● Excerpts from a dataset
□ □ □ □

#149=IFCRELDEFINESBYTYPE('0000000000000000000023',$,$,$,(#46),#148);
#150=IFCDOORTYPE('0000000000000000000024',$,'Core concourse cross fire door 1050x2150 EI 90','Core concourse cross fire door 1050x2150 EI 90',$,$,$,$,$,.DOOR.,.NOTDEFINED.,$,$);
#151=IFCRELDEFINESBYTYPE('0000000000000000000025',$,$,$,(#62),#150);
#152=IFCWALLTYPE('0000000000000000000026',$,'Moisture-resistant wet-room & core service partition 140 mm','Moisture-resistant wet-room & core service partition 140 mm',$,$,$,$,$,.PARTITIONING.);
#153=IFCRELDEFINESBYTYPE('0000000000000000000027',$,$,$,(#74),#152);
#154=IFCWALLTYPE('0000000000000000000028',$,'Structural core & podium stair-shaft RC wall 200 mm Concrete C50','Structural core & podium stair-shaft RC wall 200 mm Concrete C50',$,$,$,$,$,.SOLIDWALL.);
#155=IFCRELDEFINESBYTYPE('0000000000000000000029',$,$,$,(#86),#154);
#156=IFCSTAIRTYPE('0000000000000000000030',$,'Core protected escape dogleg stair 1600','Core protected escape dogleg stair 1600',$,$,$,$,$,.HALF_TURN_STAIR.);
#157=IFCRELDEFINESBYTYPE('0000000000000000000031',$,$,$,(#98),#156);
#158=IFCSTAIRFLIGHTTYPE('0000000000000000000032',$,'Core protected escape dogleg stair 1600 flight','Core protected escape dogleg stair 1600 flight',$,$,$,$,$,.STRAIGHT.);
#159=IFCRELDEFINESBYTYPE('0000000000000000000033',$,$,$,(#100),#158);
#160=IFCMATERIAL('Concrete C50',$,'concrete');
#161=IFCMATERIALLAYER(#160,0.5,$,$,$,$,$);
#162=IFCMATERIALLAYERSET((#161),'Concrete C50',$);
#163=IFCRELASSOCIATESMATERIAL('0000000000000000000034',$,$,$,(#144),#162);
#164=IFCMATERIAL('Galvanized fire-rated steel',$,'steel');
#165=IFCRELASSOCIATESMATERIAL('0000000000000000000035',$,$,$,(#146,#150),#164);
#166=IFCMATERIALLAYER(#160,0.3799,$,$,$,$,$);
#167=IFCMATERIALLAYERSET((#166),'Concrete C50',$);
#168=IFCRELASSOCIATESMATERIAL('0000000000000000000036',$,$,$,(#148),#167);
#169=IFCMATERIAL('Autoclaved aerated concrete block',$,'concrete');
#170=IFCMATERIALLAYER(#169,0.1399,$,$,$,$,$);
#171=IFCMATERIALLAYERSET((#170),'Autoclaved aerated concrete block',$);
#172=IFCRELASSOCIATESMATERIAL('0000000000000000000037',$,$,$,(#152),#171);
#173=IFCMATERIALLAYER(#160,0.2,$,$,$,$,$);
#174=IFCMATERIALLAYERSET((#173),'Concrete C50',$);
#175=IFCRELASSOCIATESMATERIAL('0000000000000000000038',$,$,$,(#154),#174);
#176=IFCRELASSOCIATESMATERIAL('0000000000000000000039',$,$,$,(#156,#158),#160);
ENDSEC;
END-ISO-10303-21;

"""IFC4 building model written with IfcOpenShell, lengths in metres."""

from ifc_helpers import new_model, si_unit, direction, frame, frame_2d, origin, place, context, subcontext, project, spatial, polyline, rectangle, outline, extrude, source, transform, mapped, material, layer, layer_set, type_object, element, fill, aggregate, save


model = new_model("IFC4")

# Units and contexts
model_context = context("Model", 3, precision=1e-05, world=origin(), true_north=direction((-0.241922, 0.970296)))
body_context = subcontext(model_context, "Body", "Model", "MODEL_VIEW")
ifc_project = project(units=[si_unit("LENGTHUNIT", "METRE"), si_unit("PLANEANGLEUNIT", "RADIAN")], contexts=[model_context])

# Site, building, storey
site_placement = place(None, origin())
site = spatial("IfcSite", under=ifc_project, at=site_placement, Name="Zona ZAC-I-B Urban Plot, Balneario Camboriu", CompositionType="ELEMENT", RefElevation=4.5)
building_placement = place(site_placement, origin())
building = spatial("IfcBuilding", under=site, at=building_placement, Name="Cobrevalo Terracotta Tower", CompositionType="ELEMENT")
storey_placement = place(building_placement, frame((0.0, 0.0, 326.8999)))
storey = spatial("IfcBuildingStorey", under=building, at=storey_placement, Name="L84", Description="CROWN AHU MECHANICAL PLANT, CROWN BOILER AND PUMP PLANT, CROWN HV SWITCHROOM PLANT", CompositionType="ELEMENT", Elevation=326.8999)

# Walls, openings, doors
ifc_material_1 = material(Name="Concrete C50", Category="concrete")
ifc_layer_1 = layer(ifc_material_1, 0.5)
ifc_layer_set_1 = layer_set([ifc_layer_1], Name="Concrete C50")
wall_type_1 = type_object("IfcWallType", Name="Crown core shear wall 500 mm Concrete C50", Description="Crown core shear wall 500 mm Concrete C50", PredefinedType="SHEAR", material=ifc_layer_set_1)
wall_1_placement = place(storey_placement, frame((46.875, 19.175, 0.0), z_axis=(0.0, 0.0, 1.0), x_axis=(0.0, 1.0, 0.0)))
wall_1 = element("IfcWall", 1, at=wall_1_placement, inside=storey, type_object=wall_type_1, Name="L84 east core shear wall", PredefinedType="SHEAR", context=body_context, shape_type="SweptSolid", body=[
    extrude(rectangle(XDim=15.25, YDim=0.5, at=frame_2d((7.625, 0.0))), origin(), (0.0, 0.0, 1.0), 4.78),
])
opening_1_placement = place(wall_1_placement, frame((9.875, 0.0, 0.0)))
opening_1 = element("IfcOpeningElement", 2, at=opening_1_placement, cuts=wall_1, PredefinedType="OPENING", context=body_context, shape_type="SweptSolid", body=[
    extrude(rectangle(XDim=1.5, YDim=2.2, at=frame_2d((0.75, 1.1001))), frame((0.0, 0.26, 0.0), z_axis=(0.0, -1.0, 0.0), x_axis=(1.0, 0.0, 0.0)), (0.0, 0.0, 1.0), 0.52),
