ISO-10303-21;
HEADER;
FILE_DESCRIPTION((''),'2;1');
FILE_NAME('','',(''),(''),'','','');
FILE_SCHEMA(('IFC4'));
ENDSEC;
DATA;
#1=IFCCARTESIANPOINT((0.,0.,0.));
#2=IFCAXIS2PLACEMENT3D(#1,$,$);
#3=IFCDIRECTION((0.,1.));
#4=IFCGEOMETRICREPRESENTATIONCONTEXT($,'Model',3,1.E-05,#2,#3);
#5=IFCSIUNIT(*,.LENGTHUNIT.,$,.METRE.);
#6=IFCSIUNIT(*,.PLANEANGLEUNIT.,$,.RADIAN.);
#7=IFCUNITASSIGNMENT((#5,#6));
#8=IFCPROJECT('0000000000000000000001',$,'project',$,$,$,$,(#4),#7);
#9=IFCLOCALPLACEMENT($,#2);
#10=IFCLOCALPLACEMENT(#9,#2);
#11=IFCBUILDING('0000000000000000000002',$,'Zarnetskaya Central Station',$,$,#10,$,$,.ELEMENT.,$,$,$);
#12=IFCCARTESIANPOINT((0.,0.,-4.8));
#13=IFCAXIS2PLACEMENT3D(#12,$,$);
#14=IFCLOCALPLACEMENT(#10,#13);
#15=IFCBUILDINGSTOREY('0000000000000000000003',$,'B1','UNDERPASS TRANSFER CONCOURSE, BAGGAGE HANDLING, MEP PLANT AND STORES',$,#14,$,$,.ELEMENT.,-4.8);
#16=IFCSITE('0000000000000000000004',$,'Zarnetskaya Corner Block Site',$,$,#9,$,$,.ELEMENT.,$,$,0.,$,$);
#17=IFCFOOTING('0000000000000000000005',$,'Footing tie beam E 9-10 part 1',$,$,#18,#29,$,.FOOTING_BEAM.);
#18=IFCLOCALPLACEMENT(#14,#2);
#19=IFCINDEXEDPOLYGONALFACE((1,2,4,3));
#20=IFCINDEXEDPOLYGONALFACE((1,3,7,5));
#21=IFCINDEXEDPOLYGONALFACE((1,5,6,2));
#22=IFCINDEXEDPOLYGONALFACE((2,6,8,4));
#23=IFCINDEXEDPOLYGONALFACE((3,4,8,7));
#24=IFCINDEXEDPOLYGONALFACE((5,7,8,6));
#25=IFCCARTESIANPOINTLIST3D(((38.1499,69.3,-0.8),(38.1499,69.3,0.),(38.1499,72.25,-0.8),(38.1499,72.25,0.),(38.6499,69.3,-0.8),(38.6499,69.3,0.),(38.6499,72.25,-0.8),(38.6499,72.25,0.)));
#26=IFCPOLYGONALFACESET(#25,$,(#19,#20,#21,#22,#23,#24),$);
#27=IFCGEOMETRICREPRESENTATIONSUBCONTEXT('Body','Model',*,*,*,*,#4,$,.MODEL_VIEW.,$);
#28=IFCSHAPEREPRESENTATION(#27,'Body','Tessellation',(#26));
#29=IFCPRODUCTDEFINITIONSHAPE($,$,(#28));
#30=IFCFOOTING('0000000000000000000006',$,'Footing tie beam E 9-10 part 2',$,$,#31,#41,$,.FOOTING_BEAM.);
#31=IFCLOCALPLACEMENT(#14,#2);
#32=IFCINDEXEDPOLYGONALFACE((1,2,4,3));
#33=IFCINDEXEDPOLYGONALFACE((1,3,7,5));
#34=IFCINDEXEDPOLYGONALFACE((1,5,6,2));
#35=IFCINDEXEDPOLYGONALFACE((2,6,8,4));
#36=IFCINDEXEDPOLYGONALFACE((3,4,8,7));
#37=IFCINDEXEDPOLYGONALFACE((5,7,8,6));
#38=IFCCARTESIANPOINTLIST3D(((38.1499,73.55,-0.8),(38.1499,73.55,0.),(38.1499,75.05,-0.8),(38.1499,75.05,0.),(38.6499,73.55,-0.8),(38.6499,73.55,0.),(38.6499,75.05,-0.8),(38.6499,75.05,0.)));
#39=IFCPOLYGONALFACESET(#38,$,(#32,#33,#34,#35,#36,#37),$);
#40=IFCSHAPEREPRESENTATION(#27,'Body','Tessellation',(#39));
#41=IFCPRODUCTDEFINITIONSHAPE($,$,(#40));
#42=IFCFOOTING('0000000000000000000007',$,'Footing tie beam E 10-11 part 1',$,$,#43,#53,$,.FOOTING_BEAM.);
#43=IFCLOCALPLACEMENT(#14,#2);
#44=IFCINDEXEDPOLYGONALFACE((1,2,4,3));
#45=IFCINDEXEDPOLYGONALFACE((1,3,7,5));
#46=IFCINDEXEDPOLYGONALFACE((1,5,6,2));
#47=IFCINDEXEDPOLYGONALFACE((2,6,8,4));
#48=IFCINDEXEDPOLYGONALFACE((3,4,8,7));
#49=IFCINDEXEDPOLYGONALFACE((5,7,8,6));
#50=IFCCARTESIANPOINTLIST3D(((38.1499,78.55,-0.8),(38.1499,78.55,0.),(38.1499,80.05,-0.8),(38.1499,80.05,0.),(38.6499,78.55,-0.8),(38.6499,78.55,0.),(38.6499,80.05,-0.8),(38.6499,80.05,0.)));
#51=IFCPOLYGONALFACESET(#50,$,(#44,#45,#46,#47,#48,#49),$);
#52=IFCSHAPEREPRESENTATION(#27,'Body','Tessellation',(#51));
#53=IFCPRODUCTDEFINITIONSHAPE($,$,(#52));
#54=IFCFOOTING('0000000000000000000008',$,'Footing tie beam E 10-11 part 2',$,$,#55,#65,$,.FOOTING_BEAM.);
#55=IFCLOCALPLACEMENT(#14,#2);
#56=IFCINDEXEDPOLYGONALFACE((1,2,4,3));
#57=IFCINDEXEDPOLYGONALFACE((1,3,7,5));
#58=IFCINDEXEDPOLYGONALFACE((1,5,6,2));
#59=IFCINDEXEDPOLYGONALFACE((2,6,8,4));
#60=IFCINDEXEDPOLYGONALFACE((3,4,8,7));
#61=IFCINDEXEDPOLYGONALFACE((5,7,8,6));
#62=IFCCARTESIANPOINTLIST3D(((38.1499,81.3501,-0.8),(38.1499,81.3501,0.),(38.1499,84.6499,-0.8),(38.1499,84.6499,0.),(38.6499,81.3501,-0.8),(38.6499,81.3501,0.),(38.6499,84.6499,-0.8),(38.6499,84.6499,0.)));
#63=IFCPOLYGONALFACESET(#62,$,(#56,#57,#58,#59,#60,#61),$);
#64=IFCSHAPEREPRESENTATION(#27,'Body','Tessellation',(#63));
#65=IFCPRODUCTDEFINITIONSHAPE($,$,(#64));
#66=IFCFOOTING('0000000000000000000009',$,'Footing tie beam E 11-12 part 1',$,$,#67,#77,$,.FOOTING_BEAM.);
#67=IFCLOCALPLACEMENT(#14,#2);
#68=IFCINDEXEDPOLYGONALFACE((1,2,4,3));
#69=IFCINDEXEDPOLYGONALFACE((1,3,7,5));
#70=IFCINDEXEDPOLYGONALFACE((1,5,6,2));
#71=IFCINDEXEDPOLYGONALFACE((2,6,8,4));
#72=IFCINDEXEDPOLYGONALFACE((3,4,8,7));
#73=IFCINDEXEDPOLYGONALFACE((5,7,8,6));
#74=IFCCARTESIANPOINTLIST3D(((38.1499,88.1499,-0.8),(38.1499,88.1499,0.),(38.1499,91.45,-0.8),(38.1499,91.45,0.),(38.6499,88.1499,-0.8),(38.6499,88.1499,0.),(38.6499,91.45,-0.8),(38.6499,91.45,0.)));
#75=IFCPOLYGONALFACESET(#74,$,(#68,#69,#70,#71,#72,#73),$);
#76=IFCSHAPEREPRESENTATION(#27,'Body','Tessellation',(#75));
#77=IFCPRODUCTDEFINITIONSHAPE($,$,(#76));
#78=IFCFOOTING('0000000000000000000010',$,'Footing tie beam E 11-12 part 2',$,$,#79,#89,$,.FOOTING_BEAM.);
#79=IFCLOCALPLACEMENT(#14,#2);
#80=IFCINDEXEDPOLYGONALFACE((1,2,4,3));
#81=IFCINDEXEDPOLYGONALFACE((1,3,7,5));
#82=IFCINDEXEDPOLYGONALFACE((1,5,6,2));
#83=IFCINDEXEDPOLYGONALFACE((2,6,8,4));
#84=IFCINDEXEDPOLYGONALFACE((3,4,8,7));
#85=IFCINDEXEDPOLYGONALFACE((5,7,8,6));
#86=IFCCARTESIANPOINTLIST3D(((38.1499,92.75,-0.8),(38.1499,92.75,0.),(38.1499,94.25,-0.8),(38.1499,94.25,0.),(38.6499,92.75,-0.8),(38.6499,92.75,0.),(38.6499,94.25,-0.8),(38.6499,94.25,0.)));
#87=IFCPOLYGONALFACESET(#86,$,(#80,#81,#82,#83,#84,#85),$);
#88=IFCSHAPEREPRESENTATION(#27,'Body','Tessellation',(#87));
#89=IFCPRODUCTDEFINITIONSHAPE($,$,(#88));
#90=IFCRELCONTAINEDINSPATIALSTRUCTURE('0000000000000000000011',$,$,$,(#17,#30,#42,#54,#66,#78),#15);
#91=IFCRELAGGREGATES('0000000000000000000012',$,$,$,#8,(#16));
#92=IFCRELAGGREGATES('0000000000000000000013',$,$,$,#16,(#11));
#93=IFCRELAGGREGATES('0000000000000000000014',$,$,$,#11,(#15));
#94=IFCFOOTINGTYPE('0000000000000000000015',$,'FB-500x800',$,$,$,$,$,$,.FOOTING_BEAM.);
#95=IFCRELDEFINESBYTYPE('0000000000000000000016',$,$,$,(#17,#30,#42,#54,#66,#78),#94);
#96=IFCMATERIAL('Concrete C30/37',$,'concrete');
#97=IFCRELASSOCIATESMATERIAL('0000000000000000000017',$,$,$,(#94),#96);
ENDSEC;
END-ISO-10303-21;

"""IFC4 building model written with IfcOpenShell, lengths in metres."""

from ifc_helpers import new_model, si_unit, direction, frame, origin, place, context, subcontext, project, spatial, polyline, outline, extrude, material, type_object, element, save


model = new_model("IFC4")

# Units and contexts
model_context = context("Model", 3, precision=1e-05, world=origin(), true_north=direction((0.0, 1.0)))
body_context = subcontext(model_context, "Body", "Model", "MODEL_VIEW")
ifc_project = project(units=[si_unit("LENGTHUNIT", "METRE"), si_unit("PLANEANGLEUNIT", "RADIAN")], contexts=[model_context])

# Site, building, storey
site_placement = place(None, origin())
site = spatial("IfcSite", under=ifc_project, at=site_placement, Name="Zarnetskaya Corner Block Site", CompositionType="ELEMENT", RefElevation=0.0)
building_placement = place(site_placement, origin())
building = spatial("IfcBuilding", under=site, at=building_placement, Name="Zarnetskaya Central Station", CompositionType="ELEMENT")
storey_placement = place(building_placement, frame((0.0, 0.0, -4.8)))
storey = spatial("IfcBuildingStorey", under=building, at=storey_placement, Name="B1", Description="UNDERPASS TRANSFER CONCOURSE, BAGGAGE HANDLING, MEP PLANT AND STORES", CompositionType="ELEMENT", Elevation=-4.8)

# Footings
ifc_material = material(Name="Concrete C30/37", Category="concrete")
footing_type = type_object("IfcFootingType", Name="FB-500x800", PredefinedType="FOOTING_BEAM", material=ifc_material)
footing_1_placement = place(storey_placement, frame((0.0, 0.0, -0.8)))
element("IfcFooting", 1, at=footing_1_placement, inside=storey, type_object=footing_type, Name="Footing tie beam E 9-10 part 1", PredefinedType="FOOTING_BEAM", context=body_context, shape_type="SweptSolid", body=[
    extrude(outline(polyline([(38.1499, 69.3), (38.6499, 69.3), (38.6499, 72.25), (38.1499, 72.25), (38.1499, 69.3)])), origin(), (0.0, 0.0, 1.0), 0.8),
])
footing_2_placement = place(storey_placement, frame((0.0, 0.0, -0.8)))
element("IfcFooting", 2, at=footing_2_placement, inside=storey, type_object=footing_type, Name="Footing tie beam E 9-10 part 2", PredefinedType="FOOTING_BEAM", context=body_context, shape_type="SweptSolid", body=[
    extrude(outline(polyline([(38.1499, 73.55), (38.6499, 73.55), (38.6499, 75.05), (38.1499, 75.05), (38.1499, 73.55)])), origin(), (0.0, 0.0, 1.0), 0.8),
])
footing_3_placement = place(storey_placement, frame((0.0, 0.0, -0.8)))
element("IfcFooting", 3, at=footing_3_placement, inside=storey, type_object=footing_type, Name="Footing tie beam E 10-11 part 1", PredefinedType="FOOTING_BEAM", context=body_context, shape_type="SweptSolid", body=[
    extrude(outline(polyline([(38.1499, 78.55), (38.6499, 78.55), (38.6499, 80.05), (38.1499, 80.05), (38.1499, 78.55)])), origin(), (0.0, 0.0, 1.0), 0.8),
])
footing_4_placement = place(storey_placement, frame((0.0, 0.0, -0.8)))
element("IfcFooting", 4, at=footing_4_placement, inside=storey, type_object=footing_type, Name="Footing tie beam E 10-11 part 2", PredefinedType="FOOTING_BEAM", context=body_context, shape_type="SweptSolid", body=[
    extrude(outline(polyline([(38.1499, 81.3501), (38.6499, 81.3501), (38.6499, 84.6499), (38.1499, 84.6499), (38.1499, 81.3501)])), origin(), (0.0, 0.0, 1.0), 0.8),
])
footing_5_placement = place(storey_placement, frame((0.0, 0.0, -0.8)))
element("IfcFooting", 5, at=footing_5_placement, inside=storey, type_object=footing_type, Name="Footing tie beam E 11-12 part 1", PredefinedType="FOOTING_BEAM", context=body_context, shape_type="SweptSolid", body=[
    extrude(outline(polyline([(38.1499, 88.1499), (38.6499, 88.1499), (38.6499, 91.45), (38.1499, 91.45), (38.1499, 88.1499)])), origin(), (0.0, 0.0, 1.0), 0.8),
])
footing_6_placement = place(storey_placement, frame((0.0, 0.0, -0.8)))
element("IfcFooting", 6, at=footing_6_placement, inside=storey, type_object=footing_type, Name="Footing tie beam E 11-12 part 2", PredefinedType="FOOTING_BEAM", context=body_context, shape_type="SweptSolid", body=[
    extrude(outline(polyline([(38.1499, 92.75), (38.6499, 92.75), (38.6499, 94.25), (38.1499, 94.25), (38.1499, 92.75)])), origin(), (0.0, 0.0, 1.0), 0.8),
])

save(model, "model.ifc")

□ □ □ □

● Assignment
Among the records above, repeat exactly the line with "#63=IFCPOLYGONALFACESET(#62,$,(#56,#57,#58,#59,#60,#61),$);", the line with "#70=IFCINDEXEDPOLYGONALFACE((1,5,6,2));", and every line in between, and only those.

● Answer section
#63=IFCPOLYGONALFACESET(#62,$,(#56,#57,#58,#59,#60,#61),$);
#64=IFCSHAPEREPRESENTATION(#27,'Body','Tessellation',(#63));
#65=IFCPRODUCTDEFINITIONSHAPE($,$,(#64));
#66=IFCFOOTING('0000000000000000000009',$,'Footing tie beam E 11-12 part 1',$,$,#67,#77,$,.FOOTING_BEAM.);
#67=IFCLOCALPLACEMENT(#14,#2);
#68=IFCINDEXEDPOLYGONALFACE((1,2,4,3));
#69=IFCINDEXEDPOLYGONALFACE((1,3,7,5));
#70=IFCINDEXEDPOLYGONALFACE((1,5,6,2));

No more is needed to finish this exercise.